### EXERCISE
Find the line with "#178=IFCMATERIAL('Concrete fc'' 35" in the records below. Copy it and every line after it, up to and including the line with "building model written".

(Collected data)
== Segment start ==
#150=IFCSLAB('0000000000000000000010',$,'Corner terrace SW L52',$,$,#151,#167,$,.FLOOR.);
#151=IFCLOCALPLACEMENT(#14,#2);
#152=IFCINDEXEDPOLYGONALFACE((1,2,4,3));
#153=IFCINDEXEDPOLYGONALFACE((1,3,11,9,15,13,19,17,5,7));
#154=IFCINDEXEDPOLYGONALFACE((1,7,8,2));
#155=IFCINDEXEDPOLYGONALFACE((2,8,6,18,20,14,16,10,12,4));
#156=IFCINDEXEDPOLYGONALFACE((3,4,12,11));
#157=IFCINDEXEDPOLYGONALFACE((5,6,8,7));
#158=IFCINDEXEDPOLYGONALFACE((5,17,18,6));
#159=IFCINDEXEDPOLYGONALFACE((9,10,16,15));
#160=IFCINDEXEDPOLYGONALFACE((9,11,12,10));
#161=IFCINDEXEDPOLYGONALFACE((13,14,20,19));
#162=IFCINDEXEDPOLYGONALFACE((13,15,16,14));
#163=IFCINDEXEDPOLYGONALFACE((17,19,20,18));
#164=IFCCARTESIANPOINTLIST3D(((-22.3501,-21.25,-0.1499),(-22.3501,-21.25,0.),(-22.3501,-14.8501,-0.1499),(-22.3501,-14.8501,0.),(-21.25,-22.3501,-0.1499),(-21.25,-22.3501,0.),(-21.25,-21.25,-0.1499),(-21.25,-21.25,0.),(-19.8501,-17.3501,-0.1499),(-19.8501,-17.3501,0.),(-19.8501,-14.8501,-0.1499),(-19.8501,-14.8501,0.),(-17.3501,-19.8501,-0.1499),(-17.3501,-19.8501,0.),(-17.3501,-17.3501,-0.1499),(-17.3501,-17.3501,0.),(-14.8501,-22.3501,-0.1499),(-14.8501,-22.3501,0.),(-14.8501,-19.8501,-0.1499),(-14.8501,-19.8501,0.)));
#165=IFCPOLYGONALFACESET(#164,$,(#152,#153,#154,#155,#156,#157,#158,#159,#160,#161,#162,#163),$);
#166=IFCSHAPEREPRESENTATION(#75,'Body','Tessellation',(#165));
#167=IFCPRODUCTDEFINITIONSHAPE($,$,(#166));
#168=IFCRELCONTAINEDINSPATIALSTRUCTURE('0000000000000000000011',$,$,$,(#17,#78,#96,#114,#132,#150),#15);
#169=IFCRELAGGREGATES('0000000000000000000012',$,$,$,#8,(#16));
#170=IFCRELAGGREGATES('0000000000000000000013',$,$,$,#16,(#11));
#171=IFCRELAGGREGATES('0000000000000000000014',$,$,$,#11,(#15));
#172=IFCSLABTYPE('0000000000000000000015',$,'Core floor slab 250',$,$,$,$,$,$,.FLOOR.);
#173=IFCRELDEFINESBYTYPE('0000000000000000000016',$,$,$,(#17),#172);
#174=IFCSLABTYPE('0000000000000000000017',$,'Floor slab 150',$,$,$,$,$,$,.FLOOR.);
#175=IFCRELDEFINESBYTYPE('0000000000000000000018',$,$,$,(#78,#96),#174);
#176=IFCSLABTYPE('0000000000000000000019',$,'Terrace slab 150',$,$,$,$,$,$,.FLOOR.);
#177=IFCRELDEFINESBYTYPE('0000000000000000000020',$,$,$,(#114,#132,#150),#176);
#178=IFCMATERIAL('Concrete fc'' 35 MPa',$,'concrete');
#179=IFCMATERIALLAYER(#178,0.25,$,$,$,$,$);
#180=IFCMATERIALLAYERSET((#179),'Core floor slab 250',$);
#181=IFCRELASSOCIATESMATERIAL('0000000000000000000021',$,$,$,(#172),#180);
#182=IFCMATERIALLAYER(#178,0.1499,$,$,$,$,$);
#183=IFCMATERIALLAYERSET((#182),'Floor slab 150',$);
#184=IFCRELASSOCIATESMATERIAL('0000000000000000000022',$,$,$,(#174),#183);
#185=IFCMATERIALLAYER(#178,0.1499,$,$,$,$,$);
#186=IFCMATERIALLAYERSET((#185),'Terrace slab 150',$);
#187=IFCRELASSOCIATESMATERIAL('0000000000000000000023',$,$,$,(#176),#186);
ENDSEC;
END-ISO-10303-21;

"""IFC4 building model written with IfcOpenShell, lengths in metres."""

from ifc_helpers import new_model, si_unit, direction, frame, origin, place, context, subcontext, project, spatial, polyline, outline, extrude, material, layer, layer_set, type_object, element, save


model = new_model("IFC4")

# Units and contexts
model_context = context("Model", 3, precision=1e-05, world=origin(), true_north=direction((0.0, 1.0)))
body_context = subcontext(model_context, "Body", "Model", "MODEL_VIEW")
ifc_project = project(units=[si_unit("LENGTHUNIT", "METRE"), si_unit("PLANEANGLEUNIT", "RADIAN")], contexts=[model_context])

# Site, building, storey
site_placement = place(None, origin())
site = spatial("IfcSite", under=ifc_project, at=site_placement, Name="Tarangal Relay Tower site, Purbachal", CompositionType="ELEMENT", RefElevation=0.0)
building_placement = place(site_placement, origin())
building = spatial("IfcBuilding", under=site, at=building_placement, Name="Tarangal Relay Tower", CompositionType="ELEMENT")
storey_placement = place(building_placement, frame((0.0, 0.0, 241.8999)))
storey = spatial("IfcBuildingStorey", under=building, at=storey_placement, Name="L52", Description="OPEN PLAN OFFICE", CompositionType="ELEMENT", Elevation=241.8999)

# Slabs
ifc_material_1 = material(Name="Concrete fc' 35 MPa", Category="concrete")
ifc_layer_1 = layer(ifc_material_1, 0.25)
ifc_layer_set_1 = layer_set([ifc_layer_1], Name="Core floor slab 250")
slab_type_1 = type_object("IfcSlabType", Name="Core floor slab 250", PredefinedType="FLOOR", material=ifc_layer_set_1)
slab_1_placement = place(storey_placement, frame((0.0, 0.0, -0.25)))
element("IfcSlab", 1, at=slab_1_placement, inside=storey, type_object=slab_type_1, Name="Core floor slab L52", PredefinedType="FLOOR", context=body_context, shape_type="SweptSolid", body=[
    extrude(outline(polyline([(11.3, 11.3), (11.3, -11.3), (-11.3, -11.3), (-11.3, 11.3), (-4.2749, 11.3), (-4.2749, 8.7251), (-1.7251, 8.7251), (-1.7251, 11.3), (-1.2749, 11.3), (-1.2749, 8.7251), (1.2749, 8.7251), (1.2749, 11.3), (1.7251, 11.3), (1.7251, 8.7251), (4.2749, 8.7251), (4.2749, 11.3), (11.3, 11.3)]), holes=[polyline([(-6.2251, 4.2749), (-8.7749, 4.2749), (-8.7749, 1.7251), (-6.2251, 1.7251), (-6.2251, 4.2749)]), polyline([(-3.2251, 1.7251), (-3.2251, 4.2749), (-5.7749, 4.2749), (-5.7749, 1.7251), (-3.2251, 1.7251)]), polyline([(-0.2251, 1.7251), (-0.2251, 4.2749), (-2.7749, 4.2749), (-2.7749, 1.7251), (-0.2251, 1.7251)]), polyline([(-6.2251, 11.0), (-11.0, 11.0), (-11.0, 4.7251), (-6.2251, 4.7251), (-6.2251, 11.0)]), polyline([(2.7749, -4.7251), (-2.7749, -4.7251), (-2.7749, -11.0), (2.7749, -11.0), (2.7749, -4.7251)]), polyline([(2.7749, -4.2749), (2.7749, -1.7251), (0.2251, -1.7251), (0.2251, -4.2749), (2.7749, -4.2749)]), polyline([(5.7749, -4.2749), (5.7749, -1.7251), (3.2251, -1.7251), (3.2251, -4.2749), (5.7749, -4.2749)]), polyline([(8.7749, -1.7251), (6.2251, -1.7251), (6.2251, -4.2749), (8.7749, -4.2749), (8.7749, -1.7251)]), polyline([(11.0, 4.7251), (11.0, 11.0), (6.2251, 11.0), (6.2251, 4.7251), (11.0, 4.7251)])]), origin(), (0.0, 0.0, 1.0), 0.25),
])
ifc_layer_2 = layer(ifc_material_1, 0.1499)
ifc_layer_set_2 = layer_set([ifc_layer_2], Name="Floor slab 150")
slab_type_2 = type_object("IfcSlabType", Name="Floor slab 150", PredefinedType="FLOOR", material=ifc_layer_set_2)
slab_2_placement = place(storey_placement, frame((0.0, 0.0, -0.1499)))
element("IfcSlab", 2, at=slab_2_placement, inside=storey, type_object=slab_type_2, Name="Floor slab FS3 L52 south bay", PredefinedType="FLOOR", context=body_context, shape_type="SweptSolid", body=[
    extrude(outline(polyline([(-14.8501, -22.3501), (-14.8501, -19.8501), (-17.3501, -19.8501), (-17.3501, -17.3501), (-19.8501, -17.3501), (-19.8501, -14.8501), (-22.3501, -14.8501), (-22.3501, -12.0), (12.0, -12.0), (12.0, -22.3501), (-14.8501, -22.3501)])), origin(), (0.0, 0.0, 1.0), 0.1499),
== Segment end ==
### WRITTEN ANSWER
#178=IFCMATERIAL('Concrete fc'' 35 MPa',$,'concrete');
#179=IFCMATERIALLAYER(#178,0.25,$,$,$,$,$);
#180=IFCMATERIALLAYERSET((#179),'Core floor slab 250',$);
#181=IFCRELASSOCIATESMATERIAL('0000000000000000000021',$,$,$,(#172),#180);
#182=IFCMATERIALLAYER(#178,0.1499,$,$,$,$,$);
#183=IFCMATERIALLAYERSET((#182),'Floor slab 150',$);
#184=IFCRELASSOCIATESMATERIAL('0000000000000000000022',$,$,$,(#174),#183);
#185=IFCMATERIALLAYER(#178,0.1499,$,$,$,$,$);
#186=IFCMATERIALLAYERSET((#185),'Terrace slab 150',$);
#187=IFCRELASSOCIATESMATERIAL('0000000000000000000023',$,$,$,(#176),#186);
ENDSEC;
END-ISO-10303-21;

"""IFC4 building model written with IfcOpenShell, lengths in metres."""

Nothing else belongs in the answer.